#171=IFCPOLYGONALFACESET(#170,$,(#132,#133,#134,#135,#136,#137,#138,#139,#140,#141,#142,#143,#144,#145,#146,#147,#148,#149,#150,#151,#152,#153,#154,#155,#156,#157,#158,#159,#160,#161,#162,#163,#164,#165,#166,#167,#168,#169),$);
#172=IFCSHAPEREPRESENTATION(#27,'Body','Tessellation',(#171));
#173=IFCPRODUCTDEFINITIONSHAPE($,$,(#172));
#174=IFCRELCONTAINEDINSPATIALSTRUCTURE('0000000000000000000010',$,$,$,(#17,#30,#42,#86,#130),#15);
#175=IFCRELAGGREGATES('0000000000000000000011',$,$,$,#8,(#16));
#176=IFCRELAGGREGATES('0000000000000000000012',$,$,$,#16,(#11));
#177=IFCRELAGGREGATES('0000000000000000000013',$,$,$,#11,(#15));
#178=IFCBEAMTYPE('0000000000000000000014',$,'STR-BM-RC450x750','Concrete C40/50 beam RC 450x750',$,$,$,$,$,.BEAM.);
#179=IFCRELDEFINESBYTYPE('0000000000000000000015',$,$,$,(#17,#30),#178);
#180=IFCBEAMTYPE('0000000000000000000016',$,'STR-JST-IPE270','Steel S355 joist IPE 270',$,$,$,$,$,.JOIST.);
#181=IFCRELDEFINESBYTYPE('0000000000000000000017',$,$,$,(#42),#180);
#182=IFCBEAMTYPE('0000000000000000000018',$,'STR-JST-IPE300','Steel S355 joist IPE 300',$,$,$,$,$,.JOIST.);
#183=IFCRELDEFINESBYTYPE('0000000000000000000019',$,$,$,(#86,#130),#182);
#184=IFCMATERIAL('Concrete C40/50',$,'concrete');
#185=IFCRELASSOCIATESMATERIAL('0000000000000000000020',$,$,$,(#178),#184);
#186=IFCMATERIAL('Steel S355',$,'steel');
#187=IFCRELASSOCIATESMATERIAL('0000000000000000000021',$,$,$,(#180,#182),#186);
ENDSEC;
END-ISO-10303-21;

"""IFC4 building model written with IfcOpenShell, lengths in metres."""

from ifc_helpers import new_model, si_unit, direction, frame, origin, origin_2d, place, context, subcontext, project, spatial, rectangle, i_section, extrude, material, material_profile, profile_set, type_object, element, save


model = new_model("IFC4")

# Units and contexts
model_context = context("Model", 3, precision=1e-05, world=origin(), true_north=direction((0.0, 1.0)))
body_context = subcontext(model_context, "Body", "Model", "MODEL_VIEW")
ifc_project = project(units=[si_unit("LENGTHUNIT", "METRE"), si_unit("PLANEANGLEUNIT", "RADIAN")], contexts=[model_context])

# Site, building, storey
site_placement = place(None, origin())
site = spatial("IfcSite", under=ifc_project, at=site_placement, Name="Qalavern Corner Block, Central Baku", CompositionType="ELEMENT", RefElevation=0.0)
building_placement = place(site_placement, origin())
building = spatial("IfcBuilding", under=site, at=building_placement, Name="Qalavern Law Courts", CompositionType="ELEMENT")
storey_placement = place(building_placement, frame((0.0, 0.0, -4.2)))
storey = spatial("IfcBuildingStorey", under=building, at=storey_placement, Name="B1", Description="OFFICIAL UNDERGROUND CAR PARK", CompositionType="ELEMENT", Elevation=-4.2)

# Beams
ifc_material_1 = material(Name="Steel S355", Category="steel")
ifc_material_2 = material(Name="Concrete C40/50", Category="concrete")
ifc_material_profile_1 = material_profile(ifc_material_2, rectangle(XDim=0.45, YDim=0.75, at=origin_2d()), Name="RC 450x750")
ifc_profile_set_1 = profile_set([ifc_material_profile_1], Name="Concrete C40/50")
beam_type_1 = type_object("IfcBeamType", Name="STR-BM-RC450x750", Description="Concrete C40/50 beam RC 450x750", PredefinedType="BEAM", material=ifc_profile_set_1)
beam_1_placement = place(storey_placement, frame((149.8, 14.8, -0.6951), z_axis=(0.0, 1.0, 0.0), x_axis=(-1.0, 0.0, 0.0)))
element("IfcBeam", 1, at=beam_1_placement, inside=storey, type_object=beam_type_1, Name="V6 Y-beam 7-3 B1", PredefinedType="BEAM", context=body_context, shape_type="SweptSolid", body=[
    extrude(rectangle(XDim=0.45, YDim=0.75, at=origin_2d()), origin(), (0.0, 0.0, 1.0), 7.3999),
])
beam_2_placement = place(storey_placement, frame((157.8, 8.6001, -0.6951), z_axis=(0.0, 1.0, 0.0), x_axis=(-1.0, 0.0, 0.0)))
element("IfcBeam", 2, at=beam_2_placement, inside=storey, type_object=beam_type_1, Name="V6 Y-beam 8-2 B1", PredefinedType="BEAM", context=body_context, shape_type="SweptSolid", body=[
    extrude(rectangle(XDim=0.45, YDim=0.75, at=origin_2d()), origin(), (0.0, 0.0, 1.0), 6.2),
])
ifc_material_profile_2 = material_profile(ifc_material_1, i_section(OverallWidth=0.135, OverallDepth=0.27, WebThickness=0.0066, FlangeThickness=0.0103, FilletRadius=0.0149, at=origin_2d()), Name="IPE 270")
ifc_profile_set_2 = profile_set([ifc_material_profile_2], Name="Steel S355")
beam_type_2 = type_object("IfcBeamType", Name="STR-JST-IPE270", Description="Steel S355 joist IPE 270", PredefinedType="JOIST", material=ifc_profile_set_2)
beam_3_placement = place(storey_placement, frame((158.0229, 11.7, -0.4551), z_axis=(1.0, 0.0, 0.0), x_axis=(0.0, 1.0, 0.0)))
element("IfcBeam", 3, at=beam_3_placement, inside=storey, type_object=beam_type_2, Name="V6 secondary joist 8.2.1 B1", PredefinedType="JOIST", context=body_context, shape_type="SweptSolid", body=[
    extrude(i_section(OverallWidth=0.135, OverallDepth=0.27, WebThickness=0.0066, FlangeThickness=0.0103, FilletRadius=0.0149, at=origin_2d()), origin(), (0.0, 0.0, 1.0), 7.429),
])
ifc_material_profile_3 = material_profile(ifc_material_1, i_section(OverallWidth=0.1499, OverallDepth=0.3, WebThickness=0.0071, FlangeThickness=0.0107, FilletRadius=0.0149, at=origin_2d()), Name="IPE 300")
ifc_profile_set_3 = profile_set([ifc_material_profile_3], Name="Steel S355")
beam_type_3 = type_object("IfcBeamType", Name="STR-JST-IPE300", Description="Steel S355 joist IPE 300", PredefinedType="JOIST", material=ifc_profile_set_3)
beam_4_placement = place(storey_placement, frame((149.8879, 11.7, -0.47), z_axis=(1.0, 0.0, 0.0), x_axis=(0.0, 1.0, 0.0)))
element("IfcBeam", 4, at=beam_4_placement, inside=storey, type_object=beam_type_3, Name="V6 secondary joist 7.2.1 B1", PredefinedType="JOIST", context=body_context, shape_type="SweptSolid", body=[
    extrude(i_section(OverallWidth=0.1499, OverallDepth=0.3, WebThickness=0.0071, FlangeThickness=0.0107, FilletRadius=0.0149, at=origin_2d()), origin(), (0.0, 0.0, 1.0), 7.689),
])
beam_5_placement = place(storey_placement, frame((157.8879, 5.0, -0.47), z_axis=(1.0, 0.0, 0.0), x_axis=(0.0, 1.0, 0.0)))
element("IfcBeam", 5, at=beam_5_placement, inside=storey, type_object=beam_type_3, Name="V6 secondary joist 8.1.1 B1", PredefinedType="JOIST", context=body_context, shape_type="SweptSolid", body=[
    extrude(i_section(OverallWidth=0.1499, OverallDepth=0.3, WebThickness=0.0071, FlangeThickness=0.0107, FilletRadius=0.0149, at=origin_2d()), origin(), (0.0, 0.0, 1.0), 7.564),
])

------------------------------------

**TASK OBJECTIVE:** Copy every line above without changes.

**TASK ANSWER:**
#171=IFCPOLYGONALFACESET(#170,$,(#132,#133,#134,#135,#136,#137,#138,#139,#140,#141,#142,#143,#144,#145,#146,#147,#148,#149,#150,#151,#152,#153,#154,#155,#156,#157,#158,#159,#160,#161,#162,#163,#164,#165,#166,#167,#168,#169),$);
#172=IFCSHAPEREPRESENTATION(#27,'Body','Tessellation',(#171));
#173=IFCPRODUCTDEFINITIONSHAPE($,$,(#172));
#174=IFCRELCONTAINEDINSPATIALSTRUCTURE('0000000000000000000010',$,$,$,(#17,#30,#42,#86,#130),#15);
#175=IFCRELAGGREGATES('0000000000000000000011',$,$,$,#8,(#16));
#176=IFCRELAGGREGATES('0000000000000000000012',$,$,$,#16,(#11));
#177=IFCRELAGGREGATES('0000000000000000000013',$,$,$,#11,(#15));
#178=IFCBEAMTYPE('0000000000000000000014',$,'STR-BM-RC450x750','Concrete C40/50 beam RC 450x750',$,$,$,$,$,.BEAM.);
#179=IFCRELDEFINESBYTYPE('0000000000000000000015',$,$,$,(#17,#30),#178);
#180=IFCBEAMTYPE('0000000000000000000016',$,'STR-JST-IPE270','Steel S355 joist IPE 270',$,$,$,$,$,.JOIST.);
#181=IFCRELDEFINESBYTYPE('0000000000000000000017',$,$,$,(#42),#180);
#182=IFCBEAMTYPE('0000000000000000000018',$,'STR-JST-IPE300','Steel S355 joist IPE 300',$,$,$,$,$,.JOIST.);
#183=IFCRELDEFINESBYTYPE('0000000000000000000019',$,$,$,(#86,#130),#182);
#184=IFCMATERIAL('Concrete C40/50',$,'concrete');
#185=IFCRELASSOCIATESMATERIAL('0000000000000000000020',$,$,$,(#178),#184);
#186=IFCMATERIAL('Steel S355',$,'steel');
#187=IFCRELASSOCIATESMATERIAL('0000000000000000000021',$,$,$,(#180,#182),#186);
ENDSEC;
END-ISO-10303-21;

"""IFC4 building model written with IfcOpenShell, lengths in metres."""

from ifc_helpers import new_model, si_unit, direction, frame, origin, origin_2d, place, context, subcontext, project, spatial, rectangle, i_section, extrude, material, material_profile, profile_set, type_object, element, save


model = new_model("IFC4")

# Units and contexts
model_context = context("Model", 3, precision=1e-05, world=origin(), true_north=direction((0.0, 1.0)))
body_context = subcontext(model_context, "Body", "Model", "MODEL_VIEW")
ifc_project = project(units=[si_unit("LENGTHUNIT", "METRE"), si_unit("PLANEANGLEUNIT", "RADIAN")], contexts=[model_context])

# Site, building, storey
site_placement = place(None, origin())
site = spatial("IfcSite", under=ifc_project, at=site_placement, Name="Qalavern Corner Block, Central Baku", CompositionType="ELEMENT", RefElevation=0.0)
building_placement = place(site_placement, origin())
building = spatial("IfcBuilding", under=site, at=building_placement, Name="Qalavern Law Courts", CompositionType="ELEMENT")
storey_placement = place(building_placement, frame((0.0, 0.0, -4.2)))
storey = spatial("IfcBuildingStorey", under=building, at=storey_placement, Name="B1", Description="OFFICIAL UNDERGROUND CAR PARK", CompositionType="ELEMENT", Elevation=-4.2)

# Beams
ifc_material_1 = material(Name="Steel S355", Category="steel")
ifc_material_2 = material(Name="Concrete C40/50", Category="concrete")
ifc_material_profile_1 = material_profile(ifc_material_2, rectangle(XDim=0.45, YDim=0.75, at=origin_2d()), Name="RC 450x750")
ifc_profile_set_1 = profile_set([ifc_material_profile_1], Name="Concrete C40/50")
beam_type_1 = type_object("IfcBeamType", Name="STR-BM-RC450x750", Description="Concrete C40/50 beam RC 450x750", PredefinedType="BEAM", material=ifc_profile_set_1)
beam_1_placement = place(storey_placement, frame((149.8, 14.8, -0.6951), z_axis=(0.0, 1.0, 0.0), x_axis=(-1.0, 0.0, 0.0)))
element("IfcBeam", 1, at=beam_1_placement, inside=storey, type_object=beam_type_1, Name="V6 Y-beam 7-3 B1", PredefinedType="BEAM", context=body_context, shape_type="SweptSolid", body=[
    extrude(rectangle(XDim=0.45, YDim=0.75, at=origin_2d()), origin(), (0.0, 0.0, 1.0), 7.3999),
])
beam_2_placement = place(storey_placement, frame((157.8, 8.6001, -0.6951), z_axis=(0.0, 1.0, 0.0), x_axis=(-1.0, 0.0, 0.0)))
element("IfcBeam", 2, at=beam_2_placement, inside=storey, type_object=beam_type_1, Name="V6 Y-beam 8-2 B1", PredefinedType="BEAM", context=body_context, shape_type="SweptSolid", body=[
    extrude(rectangle(XDim=0.45, YDim=0.75, at=origin_2d()), origin(), (0.0, 0.0, 1.0), 6.2),
])
ifc_material_profile_2 = material_profile(ifc_material_1, i_section(OverallWidth=0.135, OverallDepth=0.27, WebThickness=0.0066, FlangeThickness=0.0103, FilletRadius=0.0149, at=origin_2d()), Name="IPE 270")
ifc_profile_set_2 = profile_set([ifc_material_profile_2], Name="Steel S355")
beam_type_2 = type_object("IfcBeamType", Name="STR-JST-IPE270", Description="Steel S355 joist IPE 270", PredefinedType="JOIST", material=ifc_profile_set_2)
beam_3_placement = place(storey_placement, frame((158.0229, 11.7, -0.4551), z_axis=(1.0, 0.0, 0.0), x_axis=(0.0, 1.0, 0.0)))
element("IfcBeam", 3, at=beam_3_placement, inside=storey, type_object=beam_type_2, Name="V6 secondary joist 8.2.1 B1", PredefinedType="JOIST", context=body_context, shape_type="SweptSolid", body=[
    extrude(i_section(OverallWidth=0.135, OverallDepth=0.27, WebThickness=0.0066, FlangeThickness=0.0103, FilletRadius=0.0149, at=origin_2d()), origin(), (0.0, 0.0, 1.0), 7.429),
])
ifc_material_profile_3 = material_profile(ifc_material_1, i_section(OverallWidth=0.1499, OverallDepth=0.3, WebThickness=0.0071, FlangeThickness=0.0107, FilletRadius=0.0149, at=origin_2d()), Name="IPE 300")
ifc_profile_set_3 = profile_set([ifc_material_profile_3], Name="Steel S355")
beam_type_3 = type_object("IfcBeamType", Name="STR-JST-IPE300", Description="Steel S355 joist IPE 300", PredefinedType="JOIST", material=ifc_profile_set_3)
beam_4_placement = place(storey_placement, frame((149.8879, 11.7, -0.47), z_axis=(1.0, 0.0, 0.0), x_axis=(0.0, 1.0, 0.0)))
element("IfcBeam", 4, at=beam_4_placement, inside=storey, type_object=beam_type_3, Name="V6 secondary joist 7.2.1 B1", PredefinedType="JOIST", context=body_context, shape_type="SweptSolid", body=[
    extrude(i_section(OverallWidth=0.1499, OverallDepth=0.3, WebThickness=0.0071, FlangeThickness=0.0107, FilletRadius=0.0149, at=origin_2d()), origin(), (0.0, 0.0, 1.0), 7.689),
])
beam_5_placement = place(storey_placement, frame((157.8879, 5.0, -0.47), z_axis=(1.0, 0.0, 0.0), x_axis=(0.0, 1.0, 0.0)))
element("IfcBeam", 5, at=beam_5_placement, inside=storey, type_object=beam_type_3, Name="V6 secondary joist 8.1.1 B1", PredefinedType="JOIST", context=body_context, shape_type="SweptSolid", body=[
    extrude(i_section(OverallWidth=0.1499, OverallDepth=0.3, WebThickness=0.0071, FlangeThickness=0.0107, FilletRadius=0.0149, at=origin_2d()), origin(), (0.0, 0.0, 1.0), 7.564),
])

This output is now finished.